▶ _Task item_
Please copy out the entries below exactly, beginning with the line that contains "building model written" and ending with the line that contains "building_placement = place(site_placement, origin())", and include nothing outside that span.

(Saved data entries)
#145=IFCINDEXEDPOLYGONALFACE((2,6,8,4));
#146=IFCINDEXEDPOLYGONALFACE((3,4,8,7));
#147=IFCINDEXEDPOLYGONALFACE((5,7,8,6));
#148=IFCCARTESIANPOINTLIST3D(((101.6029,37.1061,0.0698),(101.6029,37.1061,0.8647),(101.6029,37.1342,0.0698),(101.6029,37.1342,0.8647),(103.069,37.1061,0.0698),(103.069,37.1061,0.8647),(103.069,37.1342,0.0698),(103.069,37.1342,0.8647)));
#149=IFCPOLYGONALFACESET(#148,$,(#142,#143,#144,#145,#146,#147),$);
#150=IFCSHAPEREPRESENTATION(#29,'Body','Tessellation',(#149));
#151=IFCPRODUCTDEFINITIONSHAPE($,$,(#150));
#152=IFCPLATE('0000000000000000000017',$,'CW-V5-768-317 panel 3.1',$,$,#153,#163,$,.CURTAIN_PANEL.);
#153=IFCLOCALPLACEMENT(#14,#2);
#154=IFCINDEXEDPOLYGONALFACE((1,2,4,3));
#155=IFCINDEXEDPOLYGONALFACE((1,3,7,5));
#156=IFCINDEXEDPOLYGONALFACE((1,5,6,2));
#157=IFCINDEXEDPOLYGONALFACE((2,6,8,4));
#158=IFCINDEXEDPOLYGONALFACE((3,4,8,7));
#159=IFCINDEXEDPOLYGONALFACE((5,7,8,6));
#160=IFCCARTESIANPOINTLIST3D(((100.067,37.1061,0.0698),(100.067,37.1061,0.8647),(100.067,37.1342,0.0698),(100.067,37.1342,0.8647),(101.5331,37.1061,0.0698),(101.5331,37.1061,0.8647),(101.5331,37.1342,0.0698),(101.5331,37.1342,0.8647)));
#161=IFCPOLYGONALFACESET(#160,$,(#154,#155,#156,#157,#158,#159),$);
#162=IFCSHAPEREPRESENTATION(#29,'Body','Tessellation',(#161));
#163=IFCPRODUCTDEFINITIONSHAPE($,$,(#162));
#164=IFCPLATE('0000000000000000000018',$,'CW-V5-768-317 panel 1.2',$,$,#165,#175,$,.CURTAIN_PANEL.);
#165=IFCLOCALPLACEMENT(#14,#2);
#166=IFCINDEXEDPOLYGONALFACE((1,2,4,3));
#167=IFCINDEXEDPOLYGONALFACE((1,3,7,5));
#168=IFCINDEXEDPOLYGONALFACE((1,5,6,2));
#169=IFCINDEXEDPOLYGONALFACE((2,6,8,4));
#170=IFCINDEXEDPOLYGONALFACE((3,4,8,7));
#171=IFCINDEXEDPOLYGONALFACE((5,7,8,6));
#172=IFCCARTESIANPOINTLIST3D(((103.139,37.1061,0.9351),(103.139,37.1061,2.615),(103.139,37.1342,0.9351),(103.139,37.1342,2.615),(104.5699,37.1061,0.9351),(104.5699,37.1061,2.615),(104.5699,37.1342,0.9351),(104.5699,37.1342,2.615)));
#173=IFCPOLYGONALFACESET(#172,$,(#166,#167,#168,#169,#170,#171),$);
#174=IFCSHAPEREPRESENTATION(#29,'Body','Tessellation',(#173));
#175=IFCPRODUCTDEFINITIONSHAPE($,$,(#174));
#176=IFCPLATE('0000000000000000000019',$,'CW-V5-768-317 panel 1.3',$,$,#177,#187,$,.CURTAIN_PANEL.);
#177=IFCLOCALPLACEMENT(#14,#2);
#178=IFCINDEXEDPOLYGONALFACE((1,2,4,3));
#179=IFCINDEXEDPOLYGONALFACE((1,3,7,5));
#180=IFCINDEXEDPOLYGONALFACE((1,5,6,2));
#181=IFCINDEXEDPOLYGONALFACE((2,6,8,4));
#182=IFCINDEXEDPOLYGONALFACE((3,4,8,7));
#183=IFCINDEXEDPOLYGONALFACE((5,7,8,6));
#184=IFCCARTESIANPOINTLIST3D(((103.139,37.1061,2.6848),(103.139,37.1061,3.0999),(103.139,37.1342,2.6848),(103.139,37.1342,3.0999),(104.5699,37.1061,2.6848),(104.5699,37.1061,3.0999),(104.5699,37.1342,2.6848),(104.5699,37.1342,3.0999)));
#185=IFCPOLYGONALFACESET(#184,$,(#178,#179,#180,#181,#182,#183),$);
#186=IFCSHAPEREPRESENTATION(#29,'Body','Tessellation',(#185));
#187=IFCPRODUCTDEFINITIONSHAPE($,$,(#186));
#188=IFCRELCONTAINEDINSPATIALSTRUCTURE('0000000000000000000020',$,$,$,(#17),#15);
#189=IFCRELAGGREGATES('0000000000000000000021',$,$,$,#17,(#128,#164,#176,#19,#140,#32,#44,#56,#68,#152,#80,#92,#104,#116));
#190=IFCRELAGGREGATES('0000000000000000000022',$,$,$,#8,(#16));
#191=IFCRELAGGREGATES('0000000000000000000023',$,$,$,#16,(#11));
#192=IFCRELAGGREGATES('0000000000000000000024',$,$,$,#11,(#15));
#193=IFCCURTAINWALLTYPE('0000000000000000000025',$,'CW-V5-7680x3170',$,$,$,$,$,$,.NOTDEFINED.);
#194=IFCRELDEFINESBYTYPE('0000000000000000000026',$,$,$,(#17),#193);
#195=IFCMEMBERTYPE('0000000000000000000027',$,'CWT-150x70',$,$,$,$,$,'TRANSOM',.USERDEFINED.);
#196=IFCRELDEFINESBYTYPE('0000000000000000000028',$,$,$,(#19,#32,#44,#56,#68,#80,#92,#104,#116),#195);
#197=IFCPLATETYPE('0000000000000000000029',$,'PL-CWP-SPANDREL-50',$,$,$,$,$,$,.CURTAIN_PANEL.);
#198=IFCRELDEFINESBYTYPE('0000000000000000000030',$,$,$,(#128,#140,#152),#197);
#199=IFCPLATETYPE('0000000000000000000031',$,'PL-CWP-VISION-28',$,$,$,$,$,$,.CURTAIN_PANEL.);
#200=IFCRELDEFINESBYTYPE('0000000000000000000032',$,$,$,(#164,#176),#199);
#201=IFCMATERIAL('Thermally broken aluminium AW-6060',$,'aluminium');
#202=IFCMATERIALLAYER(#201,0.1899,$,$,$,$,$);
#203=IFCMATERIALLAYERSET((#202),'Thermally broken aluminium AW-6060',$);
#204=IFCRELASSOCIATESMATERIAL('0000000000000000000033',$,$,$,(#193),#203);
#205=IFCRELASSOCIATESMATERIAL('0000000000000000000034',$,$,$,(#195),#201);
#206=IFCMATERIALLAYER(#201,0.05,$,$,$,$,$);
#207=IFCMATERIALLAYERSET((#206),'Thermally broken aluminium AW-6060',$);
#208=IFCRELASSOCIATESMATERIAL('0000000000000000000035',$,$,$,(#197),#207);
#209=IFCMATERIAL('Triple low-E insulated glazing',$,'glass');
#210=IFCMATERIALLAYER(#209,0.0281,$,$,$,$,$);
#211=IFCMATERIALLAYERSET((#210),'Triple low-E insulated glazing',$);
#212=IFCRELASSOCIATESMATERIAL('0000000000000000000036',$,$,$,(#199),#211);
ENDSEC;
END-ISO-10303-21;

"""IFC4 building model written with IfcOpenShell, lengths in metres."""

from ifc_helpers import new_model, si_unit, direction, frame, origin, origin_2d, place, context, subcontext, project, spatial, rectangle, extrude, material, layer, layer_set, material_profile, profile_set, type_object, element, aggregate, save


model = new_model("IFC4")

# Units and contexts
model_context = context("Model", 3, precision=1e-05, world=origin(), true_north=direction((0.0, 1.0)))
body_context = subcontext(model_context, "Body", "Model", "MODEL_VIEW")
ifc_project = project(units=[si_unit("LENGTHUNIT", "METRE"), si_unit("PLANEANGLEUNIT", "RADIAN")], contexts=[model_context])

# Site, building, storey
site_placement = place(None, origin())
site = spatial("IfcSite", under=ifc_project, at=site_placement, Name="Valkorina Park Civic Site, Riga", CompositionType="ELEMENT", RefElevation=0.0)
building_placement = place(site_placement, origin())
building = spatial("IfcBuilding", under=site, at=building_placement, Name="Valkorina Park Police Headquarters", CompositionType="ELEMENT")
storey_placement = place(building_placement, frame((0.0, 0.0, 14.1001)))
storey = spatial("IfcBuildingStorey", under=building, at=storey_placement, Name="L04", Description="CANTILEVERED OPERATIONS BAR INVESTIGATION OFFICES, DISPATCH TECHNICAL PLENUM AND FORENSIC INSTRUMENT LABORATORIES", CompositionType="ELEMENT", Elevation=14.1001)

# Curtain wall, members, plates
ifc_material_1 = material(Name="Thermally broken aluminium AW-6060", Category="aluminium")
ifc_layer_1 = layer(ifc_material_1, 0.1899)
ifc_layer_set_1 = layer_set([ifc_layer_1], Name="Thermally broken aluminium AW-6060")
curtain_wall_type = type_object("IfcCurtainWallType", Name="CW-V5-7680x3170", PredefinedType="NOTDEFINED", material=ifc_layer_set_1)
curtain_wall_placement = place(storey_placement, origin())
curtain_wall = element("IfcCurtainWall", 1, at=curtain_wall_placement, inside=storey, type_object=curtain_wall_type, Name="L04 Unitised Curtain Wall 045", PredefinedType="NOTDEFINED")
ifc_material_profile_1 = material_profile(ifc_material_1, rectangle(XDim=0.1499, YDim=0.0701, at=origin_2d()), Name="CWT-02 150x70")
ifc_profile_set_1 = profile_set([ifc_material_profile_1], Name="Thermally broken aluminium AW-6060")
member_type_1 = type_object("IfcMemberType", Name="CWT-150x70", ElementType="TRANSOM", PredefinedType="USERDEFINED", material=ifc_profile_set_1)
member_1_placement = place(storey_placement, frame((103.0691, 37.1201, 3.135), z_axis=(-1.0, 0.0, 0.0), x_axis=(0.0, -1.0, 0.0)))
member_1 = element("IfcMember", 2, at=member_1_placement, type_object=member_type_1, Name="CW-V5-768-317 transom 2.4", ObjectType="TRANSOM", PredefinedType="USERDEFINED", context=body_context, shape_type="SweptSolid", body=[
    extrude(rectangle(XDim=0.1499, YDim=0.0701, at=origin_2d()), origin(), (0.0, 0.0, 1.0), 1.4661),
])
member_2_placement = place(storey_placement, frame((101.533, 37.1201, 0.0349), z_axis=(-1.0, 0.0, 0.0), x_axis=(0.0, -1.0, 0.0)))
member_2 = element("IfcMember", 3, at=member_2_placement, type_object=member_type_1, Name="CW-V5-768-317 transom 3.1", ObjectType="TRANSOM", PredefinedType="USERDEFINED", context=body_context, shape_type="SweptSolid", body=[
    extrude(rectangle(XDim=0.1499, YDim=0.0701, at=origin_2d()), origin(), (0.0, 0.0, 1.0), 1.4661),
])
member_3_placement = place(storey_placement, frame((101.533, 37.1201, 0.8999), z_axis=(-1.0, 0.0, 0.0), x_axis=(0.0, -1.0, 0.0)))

▶ _Written response_
"""IFC4 building model written with IfcOpenShell, lengths in metres."""

from ifc_helpers import new_model, si_unit, direction, frame, origin, origin_2d, place, context, subcontext, project, spatial, rectangle, extrude, material, layer, layer_set, material_profile, profile_set, type_object, element, aggregate, save


model = new_model("IFC4")

# Units and contexts
model_context = context("Model", 3, precision=1e-05, world=origin(), true_north=direction((0.0, 1.0)))
body_context = subcontext(model_context, "Body", "Model", "MODEL_VIEW")
ifc_project = project(units=[si_unit("LENGTHUNIT", "METRE"), si_unit("PLANEANGLEUNIT", "RADIAN")], contexts=[model_context])

# Site, building, storey
site_placement = place(None, origin())
site = spatial("IfcSite", under=ifc_project, at=site_placement, Name="Valkorina Park Civic Site, Riga", CompositionType="ELEMENT", RefElevation=0.0)
building_placement = place(site_placement, origin())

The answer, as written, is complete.